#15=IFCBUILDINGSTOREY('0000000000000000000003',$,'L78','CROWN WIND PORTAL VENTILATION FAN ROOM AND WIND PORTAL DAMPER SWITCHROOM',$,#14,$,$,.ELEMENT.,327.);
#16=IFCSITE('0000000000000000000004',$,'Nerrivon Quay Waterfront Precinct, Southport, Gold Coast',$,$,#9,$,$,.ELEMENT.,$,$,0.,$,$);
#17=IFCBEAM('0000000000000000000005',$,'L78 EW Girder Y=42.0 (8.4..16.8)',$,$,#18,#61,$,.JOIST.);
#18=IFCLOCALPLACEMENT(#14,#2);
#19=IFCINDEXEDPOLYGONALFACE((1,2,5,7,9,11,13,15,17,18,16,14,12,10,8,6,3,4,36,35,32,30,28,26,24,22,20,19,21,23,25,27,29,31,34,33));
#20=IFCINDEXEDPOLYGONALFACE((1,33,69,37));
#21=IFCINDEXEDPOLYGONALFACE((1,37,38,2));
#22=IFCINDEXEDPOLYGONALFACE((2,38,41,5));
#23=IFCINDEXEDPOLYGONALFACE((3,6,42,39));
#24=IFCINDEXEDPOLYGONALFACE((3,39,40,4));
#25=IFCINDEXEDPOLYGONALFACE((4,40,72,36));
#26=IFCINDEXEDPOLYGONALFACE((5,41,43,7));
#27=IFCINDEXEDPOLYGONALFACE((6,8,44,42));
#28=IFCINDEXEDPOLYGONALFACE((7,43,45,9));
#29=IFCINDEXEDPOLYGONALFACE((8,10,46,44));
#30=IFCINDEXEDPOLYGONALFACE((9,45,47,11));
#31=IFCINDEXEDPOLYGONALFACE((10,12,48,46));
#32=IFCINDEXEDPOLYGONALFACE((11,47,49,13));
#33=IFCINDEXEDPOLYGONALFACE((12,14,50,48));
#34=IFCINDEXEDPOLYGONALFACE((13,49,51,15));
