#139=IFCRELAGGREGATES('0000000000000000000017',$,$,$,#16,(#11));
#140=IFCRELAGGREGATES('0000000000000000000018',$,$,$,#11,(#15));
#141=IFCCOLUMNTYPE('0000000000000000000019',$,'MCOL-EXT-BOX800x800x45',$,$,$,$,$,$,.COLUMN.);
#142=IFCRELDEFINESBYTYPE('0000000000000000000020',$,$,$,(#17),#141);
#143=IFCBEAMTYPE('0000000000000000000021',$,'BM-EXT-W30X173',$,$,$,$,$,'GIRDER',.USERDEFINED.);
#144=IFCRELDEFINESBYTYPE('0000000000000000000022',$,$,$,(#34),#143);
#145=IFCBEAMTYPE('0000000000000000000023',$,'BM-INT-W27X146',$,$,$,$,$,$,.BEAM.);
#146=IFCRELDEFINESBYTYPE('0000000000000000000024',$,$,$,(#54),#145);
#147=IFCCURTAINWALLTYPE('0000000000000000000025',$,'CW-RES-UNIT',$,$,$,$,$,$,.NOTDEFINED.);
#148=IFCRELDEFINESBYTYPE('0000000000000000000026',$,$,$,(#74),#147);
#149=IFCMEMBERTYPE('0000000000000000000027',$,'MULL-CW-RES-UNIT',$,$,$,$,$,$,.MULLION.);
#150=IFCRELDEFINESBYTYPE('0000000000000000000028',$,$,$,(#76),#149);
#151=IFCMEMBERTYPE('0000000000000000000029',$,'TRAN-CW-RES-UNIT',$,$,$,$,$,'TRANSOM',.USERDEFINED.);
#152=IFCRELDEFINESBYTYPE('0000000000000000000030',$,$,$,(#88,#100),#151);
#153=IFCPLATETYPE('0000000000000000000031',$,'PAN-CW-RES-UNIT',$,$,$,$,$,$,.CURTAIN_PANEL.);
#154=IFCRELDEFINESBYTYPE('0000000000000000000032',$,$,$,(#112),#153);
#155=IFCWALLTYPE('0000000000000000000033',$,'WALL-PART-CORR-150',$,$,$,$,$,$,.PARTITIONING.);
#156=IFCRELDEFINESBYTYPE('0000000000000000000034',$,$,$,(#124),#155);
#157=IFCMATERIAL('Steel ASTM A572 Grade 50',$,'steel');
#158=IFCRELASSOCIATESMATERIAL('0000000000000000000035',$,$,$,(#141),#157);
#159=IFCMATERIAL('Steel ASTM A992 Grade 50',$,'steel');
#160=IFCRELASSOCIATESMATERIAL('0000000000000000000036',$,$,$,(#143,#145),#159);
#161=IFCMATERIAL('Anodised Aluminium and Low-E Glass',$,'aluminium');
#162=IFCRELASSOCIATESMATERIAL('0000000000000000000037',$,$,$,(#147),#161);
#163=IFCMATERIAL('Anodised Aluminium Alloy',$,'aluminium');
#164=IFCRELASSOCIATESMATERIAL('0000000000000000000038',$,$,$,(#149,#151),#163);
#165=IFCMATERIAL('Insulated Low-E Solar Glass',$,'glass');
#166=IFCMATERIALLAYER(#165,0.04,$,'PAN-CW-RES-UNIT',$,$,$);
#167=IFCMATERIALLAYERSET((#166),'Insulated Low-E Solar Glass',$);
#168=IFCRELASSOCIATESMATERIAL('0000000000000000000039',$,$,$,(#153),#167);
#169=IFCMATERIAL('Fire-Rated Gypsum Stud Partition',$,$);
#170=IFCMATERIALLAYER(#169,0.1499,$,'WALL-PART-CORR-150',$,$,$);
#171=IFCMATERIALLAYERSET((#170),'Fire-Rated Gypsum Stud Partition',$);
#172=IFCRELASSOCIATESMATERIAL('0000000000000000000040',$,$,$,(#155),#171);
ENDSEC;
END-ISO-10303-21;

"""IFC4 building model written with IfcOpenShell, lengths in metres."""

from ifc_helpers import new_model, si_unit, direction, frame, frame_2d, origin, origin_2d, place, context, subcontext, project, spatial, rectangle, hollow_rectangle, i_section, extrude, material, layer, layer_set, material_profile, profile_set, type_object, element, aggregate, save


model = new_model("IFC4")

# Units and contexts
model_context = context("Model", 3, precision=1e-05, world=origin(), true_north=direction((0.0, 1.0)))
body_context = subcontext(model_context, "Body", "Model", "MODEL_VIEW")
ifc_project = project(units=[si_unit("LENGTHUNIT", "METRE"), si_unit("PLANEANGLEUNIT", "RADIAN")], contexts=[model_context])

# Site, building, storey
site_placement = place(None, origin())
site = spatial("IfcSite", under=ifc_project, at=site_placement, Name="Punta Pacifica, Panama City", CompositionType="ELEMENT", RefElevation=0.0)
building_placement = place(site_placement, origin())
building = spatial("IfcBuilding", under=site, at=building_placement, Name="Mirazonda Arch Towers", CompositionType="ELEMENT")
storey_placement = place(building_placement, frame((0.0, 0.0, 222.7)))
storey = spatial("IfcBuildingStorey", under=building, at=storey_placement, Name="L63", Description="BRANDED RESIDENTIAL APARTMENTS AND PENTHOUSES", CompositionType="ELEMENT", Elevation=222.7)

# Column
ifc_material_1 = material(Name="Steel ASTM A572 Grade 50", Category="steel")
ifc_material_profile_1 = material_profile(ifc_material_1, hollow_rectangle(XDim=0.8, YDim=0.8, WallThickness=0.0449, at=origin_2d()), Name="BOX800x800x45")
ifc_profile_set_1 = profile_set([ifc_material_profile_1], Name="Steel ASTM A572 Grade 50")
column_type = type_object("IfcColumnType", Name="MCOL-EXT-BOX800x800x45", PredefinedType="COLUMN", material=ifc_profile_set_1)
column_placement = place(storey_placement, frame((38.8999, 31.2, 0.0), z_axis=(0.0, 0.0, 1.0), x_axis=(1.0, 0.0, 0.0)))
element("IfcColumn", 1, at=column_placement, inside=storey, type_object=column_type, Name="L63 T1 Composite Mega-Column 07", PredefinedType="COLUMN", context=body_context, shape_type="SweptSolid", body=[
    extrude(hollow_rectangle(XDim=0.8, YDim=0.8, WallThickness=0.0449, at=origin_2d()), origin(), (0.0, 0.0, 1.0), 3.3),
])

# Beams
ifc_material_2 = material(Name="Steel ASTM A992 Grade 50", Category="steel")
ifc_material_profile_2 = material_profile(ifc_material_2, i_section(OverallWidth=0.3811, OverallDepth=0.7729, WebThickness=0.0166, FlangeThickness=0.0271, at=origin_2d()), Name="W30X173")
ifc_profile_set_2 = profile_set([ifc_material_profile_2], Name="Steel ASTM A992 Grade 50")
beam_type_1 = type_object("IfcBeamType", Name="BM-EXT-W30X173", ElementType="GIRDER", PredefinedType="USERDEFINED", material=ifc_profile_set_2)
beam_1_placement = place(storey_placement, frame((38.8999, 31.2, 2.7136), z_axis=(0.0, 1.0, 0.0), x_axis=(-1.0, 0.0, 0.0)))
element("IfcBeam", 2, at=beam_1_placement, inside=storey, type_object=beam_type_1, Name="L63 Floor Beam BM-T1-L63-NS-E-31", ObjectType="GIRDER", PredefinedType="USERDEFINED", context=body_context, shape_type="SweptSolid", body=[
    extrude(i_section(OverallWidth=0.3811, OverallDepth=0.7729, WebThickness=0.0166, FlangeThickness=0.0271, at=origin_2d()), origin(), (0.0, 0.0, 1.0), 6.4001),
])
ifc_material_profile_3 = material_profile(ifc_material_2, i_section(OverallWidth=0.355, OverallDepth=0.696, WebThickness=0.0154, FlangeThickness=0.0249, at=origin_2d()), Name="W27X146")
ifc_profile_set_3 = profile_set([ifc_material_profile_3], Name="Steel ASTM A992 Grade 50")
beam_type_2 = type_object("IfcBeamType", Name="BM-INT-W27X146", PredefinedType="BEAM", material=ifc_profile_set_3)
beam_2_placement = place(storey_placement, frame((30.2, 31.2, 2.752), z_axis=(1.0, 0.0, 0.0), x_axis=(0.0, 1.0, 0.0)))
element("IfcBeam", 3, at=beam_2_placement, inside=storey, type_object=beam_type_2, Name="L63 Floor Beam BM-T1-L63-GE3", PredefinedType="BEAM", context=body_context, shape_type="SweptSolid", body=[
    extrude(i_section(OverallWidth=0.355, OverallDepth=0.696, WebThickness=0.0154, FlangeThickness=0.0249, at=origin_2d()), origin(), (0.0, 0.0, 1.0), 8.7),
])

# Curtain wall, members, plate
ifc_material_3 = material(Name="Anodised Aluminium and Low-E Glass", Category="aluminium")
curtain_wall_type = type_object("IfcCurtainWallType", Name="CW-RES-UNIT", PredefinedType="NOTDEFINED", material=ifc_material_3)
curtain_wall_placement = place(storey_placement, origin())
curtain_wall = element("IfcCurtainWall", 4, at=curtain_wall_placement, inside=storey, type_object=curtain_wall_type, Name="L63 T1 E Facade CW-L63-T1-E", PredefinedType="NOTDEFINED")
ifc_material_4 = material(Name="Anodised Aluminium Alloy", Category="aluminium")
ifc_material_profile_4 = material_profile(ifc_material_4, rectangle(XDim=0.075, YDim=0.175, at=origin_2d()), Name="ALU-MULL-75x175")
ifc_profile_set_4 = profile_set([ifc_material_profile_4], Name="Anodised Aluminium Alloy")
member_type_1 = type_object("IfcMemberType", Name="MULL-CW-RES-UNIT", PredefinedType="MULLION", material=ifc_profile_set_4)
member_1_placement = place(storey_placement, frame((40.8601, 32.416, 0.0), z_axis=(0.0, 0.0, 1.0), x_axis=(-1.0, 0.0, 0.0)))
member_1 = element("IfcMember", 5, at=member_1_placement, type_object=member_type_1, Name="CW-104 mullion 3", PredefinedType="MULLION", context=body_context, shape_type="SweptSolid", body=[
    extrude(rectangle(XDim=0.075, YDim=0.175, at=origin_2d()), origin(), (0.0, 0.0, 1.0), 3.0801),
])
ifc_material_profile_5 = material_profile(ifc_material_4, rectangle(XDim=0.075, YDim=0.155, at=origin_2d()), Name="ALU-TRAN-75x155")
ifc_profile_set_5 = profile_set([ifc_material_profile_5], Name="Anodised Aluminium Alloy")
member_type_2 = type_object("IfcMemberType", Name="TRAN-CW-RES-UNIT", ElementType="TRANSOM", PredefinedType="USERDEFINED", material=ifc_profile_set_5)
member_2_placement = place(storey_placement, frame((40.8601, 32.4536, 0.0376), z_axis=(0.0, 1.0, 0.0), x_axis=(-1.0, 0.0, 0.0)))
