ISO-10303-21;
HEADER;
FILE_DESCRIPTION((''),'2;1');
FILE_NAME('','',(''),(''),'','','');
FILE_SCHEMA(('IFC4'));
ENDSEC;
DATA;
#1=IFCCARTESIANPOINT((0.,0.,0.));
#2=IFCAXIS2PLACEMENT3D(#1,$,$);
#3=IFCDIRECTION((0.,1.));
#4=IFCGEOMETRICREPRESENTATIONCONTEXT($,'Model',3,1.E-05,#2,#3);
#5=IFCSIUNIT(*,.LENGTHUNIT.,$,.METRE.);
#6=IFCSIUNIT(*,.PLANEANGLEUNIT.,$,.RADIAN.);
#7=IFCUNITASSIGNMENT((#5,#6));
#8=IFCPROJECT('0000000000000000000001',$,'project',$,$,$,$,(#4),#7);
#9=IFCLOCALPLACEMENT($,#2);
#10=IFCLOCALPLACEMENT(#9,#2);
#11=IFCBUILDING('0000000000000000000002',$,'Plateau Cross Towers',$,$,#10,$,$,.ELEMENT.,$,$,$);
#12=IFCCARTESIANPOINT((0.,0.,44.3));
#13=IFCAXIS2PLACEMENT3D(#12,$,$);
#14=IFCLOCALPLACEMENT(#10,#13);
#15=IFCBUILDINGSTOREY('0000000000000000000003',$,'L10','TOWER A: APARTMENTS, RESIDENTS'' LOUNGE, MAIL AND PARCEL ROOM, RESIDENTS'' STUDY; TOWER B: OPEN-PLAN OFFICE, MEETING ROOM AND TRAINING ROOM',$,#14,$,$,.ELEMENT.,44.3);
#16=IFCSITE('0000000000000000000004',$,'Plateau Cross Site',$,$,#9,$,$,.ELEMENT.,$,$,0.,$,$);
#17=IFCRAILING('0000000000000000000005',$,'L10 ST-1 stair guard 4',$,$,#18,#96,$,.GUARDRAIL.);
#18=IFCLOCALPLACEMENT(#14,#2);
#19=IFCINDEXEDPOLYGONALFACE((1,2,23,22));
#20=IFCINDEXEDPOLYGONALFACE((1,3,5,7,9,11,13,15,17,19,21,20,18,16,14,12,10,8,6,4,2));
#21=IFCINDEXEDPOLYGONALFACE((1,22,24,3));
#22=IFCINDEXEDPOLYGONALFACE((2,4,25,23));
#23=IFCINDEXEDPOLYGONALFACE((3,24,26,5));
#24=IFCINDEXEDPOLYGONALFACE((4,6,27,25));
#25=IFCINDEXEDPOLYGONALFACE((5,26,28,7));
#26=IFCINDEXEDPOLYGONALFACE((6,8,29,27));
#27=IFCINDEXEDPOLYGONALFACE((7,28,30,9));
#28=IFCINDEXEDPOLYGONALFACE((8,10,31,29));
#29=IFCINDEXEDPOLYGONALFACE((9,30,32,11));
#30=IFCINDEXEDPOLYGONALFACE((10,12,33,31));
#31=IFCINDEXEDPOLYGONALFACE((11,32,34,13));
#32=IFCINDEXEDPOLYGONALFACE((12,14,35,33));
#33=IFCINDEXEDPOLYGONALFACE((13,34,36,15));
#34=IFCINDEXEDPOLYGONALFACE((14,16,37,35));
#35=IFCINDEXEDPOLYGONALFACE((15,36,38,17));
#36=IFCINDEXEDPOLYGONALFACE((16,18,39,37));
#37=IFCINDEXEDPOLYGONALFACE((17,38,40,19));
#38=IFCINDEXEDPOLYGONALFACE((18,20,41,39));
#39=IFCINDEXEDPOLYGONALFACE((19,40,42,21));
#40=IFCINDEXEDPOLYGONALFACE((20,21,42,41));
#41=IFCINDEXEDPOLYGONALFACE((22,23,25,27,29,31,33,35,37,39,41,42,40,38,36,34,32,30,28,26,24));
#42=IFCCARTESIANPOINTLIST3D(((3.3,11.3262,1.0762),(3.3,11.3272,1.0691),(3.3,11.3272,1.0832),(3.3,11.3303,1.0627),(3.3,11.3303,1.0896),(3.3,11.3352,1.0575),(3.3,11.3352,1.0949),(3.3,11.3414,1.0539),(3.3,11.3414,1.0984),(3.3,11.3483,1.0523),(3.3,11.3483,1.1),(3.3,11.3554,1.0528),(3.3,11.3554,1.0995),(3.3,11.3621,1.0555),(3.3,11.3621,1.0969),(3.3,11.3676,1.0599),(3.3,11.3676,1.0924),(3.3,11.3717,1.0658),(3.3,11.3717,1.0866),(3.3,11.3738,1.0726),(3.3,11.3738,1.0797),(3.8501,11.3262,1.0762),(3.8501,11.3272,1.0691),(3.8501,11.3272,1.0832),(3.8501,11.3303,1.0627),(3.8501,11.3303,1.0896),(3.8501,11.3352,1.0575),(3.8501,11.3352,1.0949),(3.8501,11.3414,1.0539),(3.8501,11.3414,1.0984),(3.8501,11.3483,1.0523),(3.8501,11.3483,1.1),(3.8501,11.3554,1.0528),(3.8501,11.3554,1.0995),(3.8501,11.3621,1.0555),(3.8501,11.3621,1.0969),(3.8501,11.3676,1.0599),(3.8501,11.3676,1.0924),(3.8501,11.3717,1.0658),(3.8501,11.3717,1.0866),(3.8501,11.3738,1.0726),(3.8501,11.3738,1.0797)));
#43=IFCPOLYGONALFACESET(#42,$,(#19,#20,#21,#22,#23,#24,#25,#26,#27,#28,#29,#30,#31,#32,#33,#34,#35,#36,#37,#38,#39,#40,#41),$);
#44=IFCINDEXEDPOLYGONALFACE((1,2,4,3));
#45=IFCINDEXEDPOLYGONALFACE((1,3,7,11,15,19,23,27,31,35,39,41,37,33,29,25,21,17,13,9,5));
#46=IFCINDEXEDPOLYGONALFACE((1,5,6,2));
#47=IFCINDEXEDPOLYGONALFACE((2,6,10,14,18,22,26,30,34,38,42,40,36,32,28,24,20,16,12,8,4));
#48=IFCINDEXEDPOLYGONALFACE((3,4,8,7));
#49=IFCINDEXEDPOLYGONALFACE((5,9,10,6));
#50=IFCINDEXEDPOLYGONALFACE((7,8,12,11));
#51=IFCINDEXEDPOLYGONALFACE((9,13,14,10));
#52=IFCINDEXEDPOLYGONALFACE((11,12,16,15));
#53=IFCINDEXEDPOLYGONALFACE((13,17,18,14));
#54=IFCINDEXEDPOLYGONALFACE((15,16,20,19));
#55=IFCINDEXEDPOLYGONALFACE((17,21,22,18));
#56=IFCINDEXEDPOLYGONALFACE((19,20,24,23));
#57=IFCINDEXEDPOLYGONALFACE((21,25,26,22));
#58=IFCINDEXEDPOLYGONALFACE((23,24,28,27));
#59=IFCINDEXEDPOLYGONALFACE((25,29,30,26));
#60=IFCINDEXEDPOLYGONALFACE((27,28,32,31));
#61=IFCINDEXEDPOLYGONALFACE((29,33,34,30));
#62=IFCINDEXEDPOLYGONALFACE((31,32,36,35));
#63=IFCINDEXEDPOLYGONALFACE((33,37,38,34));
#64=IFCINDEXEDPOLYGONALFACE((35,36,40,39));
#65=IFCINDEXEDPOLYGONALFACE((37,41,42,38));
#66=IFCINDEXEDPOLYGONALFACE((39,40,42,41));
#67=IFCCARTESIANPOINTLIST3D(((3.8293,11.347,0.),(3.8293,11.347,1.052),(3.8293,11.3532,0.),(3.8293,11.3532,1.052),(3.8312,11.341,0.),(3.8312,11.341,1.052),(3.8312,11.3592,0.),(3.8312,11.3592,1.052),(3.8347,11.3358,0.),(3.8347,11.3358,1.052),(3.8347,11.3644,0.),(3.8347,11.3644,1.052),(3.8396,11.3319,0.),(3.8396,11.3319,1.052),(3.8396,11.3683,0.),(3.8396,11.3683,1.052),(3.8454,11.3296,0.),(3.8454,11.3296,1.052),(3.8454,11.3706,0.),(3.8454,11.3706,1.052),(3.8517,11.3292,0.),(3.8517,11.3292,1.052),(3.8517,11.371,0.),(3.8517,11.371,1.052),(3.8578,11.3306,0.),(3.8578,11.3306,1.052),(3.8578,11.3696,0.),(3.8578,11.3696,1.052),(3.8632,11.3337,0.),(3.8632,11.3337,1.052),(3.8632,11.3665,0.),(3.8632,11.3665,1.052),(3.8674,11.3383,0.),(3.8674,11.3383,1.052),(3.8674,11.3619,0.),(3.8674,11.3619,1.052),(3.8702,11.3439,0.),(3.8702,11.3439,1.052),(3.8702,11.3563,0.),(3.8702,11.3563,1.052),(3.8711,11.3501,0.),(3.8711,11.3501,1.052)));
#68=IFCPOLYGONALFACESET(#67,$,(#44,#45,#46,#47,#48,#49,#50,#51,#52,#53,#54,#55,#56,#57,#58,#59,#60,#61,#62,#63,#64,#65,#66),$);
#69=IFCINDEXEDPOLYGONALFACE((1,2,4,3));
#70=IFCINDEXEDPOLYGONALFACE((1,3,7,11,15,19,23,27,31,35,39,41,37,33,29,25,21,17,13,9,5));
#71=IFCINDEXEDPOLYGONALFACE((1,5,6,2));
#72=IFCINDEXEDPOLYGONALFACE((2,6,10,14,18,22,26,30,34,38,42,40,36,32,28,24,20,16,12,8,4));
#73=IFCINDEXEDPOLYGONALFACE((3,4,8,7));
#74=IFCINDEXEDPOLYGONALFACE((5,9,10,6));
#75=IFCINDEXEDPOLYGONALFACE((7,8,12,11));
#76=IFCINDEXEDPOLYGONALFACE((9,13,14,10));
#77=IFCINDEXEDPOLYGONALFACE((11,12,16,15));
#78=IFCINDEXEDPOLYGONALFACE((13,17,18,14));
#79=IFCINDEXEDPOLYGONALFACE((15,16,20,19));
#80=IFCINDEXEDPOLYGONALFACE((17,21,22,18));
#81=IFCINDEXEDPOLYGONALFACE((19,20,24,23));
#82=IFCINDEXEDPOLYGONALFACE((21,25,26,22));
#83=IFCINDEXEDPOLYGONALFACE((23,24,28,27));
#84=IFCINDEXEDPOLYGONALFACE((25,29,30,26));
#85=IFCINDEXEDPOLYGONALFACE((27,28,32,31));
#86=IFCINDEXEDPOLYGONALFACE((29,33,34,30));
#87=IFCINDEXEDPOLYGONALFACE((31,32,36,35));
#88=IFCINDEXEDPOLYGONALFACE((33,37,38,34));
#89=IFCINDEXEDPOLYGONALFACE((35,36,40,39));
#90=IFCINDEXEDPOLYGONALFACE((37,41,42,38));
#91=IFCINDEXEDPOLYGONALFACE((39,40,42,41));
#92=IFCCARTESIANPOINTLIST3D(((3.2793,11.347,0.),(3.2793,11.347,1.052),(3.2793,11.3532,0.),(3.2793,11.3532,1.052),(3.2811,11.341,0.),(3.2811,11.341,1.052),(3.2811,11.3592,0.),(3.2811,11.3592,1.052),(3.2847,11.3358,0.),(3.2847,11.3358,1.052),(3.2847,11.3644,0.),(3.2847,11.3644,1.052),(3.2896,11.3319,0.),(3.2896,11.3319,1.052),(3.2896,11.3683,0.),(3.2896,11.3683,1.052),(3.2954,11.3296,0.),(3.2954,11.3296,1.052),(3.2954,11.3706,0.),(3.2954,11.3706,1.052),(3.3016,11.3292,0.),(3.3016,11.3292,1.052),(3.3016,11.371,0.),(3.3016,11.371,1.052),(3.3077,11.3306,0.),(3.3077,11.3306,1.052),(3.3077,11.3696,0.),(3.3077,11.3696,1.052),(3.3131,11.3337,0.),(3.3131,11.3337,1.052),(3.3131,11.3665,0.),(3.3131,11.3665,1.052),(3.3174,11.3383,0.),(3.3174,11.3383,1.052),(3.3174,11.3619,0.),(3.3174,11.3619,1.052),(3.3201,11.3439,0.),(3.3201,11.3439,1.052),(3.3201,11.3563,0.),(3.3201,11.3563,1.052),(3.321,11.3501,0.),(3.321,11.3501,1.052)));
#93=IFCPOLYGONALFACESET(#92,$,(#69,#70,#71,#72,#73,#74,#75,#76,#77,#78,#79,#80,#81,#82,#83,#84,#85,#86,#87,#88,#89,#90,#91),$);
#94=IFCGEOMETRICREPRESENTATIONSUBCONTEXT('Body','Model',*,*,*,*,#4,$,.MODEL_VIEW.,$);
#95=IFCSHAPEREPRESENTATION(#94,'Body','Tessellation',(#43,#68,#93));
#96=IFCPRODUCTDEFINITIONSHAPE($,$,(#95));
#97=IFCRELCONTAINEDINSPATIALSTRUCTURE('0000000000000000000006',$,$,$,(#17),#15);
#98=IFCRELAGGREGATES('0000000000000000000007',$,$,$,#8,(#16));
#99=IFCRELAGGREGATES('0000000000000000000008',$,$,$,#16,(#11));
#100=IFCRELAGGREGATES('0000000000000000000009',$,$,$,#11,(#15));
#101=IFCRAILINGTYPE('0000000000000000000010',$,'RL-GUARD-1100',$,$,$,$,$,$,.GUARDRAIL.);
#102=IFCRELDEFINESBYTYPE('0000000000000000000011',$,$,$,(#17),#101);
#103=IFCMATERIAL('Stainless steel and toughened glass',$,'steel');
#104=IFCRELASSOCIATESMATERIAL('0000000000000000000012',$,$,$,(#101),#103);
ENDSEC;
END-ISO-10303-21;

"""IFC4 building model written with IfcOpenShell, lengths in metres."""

from ifc_helpers import new_model, si_unit, direction, frame, origin, origin_2d, place, context, subcontext, project, spatial, circle, extrude, material, type_object, element, save


model = new_model("IFC4")

# Units and contexts
model_context = context("Model", 3, precision=1e-05, world=origin(), true_north=direction((0.0, 1.0)))
body_context = subcontext(model_context, "Body", "Model", "MODEL_VIEW")
ifc_project = project(units=[si_unit("LENGTHUNIT", "METRE"), si_unit("PLANEANGLEUNIT", "RADIAN")], contexts=[model_context])

# Site, building, storey
site_placement = place(None, origin())
site = spatial("IfcSite", under=ifc_project, at=site_placement, Name="Plateau Cross Site", CompositionType="ELEMENT", RefElevation=0.0)
building_placement = place(site_placement, origin())
building = spatial("IfcBuilding", under=site, at=building_placement, Name="Plateau Cross Towers", CompositionType="ELEMENT")
storey_placement = place(building_placement, frame((0.0, 0.0, 44.3)))
storey = spatial("IfcBuildingStorey", under=building, at=storey_placement, Name="L10", Description="TOWER A: APARTMENTS, RESIDENTS' LOUNGE, MAIL AND PARCEL ROOM, RESIDENTS' STUDY; TOWER B: OPEN-PLAN OFFICE, MEETING ROOM AND TRAINING ROOM", CompositionType="ELEMENT", Elevation=44.3)

# Railing
ifc_material_1 = material(Name="Stainless steel and toughened glass", Category="steel")
railing_type = type_object("IfcRailingType", Name="RL-GUARD-1100", PredefinedType="GUARDRAIL", material=ifc_material_1)
railing_1_placement = place(storey_placement, frame((3.8501, 11.3501, 0.0)))
element("IfcRailing", 1, at=railing_1_placement, inside=storey, type_object=railing_type, Name="L10 ST-1 stair guard 4", PredefinedType="GUARDRAIL", context=body_context, shape_type="SweptSolid", body=[
    extrude(circle(Radius=0.0239, at=origin_2d()), frame((0.0, 0.0, 1.0762), z_axis=(-1.0, 0.0, 0.0), x_axis=(0.0, -1.0, 0.0)), (0.0, 0.0, 1.0), 0.55),
    extrude(circle(Radius=0.021, at=origin_2d()), origin(), (0.0, 0.0, 1.0), 1.052),
    extrude(circle(Radius=0.021, at=origin_2d()), frame((-0.55, 0.0, 0.0)), (0.0, 0.0, 1.0), 1.052),
])

save(model, "model.ifc")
===
What you have to do:
Whenever a line in the entries holds the word "WallThickness", copy that line.

Exercise answer:
ifc_material_profile_1 = material_profile(ifc_material_1, hollow_rectangle(XDim=0.8, YDim=0.8, WallThickness=0.0449, at=origin_2d()), Name="BOX800x800x45")
    extrude(hollow_rectangle(XDim=0.8, YDim=0.8, WallThickness=0.0449, at=origin_2d()), origin(), (0.0, 0.0, 1.0), 3.3),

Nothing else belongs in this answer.